[Source data Boundary: Start]

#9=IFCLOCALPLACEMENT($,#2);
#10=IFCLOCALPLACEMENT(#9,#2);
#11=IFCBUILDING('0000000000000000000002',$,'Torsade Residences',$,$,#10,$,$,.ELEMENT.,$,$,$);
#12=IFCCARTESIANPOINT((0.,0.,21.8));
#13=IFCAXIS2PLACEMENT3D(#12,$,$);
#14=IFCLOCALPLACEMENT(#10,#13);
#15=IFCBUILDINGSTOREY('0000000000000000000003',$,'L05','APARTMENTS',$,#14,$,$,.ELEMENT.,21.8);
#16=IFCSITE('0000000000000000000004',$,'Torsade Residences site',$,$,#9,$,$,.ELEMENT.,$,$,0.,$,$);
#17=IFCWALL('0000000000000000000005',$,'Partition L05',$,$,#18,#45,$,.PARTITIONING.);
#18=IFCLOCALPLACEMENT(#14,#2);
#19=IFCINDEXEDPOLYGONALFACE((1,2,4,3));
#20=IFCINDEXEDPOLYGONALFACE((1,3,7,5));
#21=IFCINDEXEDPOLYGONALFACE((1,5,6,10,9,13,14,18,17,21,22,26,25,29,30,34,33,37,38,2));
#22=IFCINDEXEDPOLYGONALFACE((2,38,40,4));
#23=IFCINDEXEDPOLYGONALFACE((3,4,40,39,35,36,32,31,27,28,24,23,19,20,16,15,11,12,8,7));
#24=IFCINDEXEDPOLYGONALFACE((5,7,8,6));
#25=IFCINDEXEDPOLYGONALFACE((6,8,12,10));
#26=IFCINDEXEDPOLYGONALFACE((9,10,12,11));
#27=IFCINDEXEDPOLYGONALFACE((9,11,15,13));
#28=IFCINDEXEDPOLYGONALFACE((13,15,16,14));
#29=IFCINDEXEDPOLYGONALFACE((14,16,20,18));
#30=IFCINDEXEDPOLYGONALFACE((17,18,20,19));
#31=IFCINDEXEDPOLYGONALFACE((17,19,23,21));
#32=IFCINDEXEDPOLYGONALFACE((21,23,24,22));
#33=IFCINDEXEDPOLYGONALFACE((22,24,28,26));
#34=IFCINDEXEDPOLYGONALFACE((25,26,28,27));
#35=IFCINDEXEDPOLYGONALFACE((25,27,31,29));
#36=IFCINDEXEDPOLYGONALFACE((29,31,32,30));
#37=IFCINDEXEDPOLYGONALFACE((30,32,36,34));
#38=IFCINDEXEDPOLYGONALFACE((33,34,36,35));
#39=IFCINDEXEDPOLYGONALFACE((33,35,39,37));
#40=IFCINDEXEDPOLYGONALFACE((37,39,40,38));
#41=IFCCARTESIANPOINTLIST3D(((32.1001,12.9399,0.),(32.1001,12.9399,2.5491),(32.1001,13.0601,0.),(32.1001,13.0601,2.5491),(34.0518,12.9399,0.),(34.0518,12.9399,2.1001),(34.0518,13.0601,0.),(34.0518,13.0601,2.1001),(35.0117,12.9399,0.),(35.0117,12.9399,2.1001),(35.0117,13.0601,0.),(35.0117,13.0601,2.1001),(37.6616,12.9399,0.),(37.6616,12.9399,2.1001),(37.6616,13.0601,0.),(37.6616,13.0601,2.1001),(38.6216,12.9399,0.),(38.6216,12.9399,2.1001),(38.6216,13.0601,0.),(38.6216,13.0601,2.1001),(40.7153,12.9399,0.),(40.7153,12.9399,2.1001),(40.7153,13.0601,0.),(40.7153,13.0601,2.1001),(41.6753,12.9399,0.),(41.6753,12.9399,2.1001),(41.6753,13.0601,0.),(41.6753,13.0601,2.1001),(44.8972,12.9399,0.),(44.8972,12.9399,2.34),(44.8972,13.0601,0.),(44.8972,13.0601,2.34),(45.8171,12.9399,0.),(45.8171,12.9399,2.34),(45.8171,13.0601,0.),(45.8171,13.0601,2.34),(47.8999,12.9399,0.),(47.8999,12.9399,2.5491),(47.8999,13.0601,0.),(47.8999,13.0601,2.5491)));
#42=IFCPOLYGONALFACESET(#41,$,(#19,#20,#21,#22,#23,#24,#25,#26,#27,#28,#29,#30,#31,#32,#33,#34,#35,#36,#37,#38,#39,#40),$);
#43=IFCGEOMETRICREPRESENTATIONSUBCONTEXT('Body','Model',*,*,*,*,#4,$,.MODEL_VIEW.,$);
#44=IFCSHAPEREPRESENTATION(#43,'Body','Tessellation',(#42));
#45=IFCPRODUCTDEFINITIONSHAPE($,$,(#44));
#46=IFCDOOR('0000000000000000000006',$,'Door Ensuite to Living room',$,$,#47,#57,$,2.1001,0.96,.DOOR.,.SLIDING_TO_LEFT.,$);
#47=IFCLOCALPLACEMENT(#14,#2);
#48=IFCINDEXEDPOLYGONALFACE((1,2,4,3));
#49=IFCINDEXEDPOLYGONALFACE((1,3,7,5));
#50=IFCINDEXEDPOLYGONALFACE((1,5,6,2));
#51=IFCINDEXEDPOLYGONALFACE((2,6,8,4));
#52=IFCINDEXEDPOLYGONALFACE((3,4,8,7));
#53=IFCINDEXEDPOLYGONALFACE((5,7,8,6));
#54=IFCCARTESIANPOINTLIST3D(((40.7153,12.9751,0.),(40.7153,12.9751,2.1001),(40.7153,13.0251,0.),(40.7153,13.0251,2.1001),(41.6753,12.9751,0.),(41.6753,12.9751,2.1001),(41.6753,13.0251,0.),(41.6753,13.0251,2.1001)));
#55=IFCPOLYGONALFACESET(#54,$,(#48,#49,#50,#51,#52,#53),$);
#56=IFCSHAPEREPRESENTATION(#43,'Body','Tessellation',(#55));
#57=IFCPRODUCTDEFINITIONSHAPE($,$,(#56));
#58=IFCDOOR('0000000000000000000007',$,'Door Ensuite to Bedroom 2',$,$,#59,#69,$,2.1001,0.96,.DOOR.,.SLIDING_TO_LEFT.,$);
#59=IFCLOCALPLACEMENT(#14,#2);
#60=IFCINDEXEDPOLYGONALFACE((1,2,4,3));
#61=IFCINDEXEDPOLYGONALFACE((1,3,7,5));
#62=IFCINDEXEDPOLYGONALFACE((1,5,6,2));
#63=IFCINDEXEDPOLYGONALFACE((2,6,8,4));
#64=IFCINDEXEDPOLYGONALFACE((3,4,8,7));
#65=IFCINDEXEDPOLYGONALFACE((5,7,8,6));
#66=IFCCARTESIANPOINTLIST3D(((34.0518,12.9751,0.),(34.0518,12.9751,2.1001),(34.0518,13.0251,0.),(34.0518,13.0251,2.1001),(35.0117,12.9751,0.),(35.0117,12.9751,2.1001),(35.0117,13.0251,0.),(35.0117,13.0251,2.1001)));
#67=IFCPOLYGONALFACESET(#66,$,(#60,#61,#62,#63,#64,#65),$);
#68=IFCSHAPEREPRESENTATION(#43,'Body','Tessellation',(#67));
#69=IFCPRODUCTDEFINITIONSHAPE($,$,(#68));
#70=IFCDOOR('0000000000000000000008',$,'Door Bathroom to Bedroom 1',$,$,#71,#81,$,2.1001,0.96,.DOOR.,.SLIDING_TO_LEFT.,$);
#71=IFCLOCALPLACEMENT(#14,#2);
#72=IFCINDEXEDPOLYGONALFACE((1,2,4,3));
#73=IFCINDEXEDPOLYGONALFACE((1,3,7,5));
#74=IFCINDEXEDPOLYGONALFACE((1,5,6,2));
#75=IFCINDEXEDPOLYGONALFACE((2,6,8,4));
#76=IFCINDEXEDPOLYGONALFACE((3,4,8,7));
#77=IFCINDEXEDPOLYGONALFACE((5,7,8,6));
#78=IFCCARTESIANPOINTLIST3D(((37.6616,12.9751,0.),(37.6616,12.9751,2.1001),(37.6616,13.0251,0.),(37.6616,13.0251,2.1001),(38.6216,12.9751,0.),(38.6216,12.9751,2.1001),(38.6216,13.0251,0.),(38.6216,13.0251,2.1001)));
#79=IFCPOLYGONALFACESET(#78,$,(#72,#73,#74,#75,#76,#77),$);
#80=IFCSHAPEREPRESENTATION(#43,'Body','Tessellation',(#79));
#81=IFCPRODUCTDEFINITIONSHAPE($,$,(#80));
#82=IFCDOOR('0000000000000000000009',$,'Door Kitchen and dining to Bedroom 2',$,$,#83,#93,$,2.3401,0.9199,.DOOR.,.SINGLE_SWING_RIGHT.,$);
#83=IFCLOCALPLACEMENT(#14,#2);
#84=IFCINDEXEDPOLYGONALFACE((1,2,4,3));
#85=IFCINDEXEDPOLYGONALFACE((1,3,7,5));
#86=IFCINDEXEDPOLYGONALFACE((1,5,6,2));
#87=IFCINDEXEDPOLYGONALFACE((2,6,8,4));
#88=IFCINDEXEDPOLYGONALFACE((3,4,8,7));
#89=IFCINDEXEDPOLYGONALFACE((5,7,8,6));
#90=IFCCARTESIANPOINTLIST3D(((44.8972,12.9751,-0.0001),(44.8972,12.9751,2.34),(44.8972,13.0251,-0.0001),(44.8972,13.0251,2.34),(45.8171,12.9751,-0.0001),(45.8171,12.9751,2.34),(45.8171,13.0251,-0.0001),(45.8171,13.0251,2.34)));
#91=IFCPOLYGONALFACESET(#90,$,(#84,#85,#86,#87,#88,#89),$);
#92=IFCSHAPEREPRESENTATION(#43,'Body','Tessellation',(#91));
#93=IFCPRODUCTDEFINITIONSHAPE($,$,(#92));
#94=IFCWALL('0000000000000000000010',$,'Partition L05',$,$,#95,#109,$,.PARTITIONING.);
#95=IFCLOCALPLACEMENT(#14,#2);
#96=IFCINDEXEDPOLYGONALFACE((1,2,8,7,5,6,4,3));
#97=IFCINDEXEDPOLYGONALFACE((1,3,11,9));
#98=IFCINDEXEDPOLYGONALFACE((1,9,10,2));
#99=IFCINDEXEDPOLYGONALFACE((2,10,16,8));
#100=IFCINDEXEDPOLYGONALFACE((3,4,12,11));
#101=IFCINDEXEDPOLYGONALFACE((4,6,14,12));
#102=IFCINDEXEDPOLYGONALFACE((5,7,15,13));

[Source data Boundary: End]
[Source data Boundary: Start]

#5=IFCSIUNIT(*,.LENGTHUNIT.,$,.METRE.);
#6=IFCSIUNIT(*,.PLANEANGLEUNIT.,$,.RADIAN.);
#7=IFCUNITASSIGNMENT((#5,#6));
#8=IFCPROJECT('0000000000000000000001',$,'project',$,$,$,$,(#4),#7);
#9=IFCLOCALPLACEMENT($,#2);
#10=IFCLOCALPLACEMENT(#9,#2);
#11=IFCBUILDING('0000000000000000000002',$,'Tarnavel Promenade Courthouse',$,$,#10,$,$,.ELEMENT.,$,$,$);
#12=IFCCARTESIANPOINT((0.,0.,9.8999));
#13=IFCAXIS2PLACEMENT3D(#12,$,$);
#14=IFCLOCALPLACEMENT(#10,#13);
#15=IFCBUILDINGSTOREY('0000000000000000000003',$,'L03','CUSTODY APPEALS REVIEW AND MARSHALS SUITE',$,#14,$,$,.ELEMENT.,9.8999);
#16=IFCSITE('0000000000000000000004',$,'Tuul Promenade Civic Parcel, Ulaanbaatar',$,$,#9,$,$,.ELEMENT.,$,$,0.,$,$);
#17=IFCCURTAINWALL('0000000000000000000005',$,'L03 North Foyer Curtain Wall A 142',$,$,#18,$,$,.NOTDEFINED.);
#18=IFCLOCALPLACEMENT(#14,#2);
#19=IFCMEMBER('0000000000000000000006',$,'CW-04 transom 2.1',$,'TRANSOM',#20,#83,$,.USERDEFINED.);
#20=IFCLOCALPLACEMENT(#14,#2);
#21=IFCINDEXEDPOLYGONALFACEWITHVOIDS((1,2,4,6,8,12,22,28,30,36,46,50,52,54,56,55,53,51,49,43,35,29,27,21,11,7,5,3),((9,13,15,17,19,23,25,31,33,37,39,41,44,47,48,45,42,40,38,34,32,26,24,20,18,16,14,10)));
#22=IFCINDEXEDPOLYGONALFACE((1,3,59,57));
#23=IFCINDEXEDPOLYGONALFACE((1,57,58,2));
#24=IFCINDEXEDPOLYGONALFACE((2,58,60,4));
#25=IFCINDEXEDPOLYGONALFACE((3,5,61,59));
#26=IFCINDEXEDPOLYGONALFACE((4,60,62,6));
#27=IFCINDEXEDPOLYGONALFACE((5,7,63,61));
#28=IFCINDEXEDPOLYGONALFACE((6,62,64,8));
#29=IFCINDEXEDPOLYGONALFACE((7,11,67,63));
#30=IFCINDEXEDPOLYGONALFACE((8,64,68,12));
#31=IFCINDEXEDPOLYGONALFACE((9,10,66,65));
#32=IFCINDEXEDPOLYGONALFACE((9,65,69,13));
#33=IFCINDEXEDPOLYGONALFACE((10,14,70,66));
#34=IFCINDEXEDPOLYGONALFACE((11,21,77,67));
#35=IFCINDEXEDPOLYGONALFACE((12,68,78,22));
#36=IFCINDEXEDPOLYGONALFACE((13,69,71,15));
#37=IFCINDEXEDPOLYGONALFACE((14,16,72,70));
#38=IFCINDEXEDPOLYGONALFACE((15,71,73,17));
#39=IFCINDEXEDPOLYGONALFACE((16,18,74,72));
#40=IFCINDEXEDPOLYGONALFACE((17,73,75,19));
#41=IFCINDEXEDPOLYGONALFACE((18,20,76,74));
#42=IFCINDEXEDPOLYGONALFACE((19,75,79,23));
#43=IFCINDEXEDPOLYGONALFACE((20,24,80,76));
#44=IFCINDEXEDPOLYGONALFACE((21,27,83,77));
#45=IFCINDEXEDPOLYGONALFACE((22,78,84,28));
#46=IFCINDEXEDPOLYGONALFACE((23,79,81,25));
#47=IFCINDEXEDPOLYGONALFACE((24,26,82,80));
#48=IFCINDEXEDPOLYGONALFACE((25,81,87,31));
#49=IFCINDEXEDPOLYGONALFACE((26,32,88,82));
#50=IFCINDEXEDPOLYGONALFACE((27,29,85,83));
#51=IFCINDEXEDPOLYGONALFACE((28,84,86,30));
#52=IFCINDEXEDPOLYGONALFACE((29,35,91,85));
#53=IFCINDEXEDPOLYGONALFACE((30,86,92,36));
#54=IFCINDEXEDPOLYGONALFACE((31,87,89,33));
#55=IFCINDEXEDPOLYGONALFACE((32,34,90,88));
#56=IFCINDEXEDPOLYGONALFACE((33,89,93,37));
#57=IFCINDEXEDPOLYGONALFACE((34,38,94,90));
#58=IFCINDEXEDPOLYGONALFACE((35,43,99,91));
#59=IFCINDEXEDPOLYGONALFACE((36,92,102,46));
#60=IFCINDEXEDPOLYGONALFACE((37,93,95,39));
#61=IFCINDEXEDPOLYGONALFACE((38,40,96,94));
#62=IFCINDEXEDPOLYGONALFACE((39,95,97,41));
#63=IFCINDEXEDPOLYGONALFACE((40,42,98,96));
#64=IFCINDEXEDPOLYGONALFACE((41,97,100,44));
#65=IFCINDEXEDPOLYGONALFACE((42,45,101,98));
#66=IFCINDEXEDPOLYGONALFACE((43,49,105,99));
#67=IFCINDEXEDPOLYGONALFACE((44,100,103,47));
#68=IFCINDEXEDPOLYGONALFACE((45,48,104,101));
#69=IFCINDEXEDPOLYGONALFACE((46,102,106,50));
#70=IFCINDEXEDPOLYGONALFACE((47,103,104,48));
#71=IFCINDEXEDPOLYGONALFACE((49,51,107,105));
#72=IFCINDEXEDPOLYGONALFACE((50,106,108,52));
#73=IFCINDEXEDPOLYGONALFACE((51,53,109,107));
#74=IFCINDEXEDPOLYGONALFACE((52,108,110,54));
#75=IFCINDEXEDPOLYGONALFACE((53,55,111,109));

[Source data Boundary: End]

- _Assignment_:
Copy the records above exactly, beginning at the line that contains "#89=IFCINDEXEDPOLYGONALFACE((5,7,8,6));" and stopping after the line that contains "#96=IFCINDEXEDPOLYGONALFACE((1,2,8,7,5,6,4,3));".

- _Written reply_:
#89=IFCINDEXEDPOLYGONALFACE((5,7,8,6));
#90=IFCCARTESIANPOINTLIST3D(((44.8972,12.9751,-0.0001),(44.8972,12.9751,2.34),(44.8972,13.0251,-0.0001),(44.8972,13.0251,2.34),(45.8171,12.9751,-0.0001),(45.8171,12.9751,2.34),(45.8171,13.0251,-0.0001),(45.8171,13.0251,2.34)));
#91=IFCPOLYGONALFACESET(#90,$,(#84,#85,#86,#87,#88,#89),$);
#92=IFCSHAPEREPRESENTATION(#43,'Body','Tessellation',(#91));
#93=IFCPRODUCTDEFINITIONSHAPE($,$,(#92));
#94=IFCWALL('0000000000000000000010',$,'Partition L05',$,$,#95,#109,$,.PARTITIONING.);
#95=IFCLOCALPLACEMENT(#14,#2);
#96=IFCINDEXEDPOLYGONALFACE((1,2,8,7,5,6,4,3));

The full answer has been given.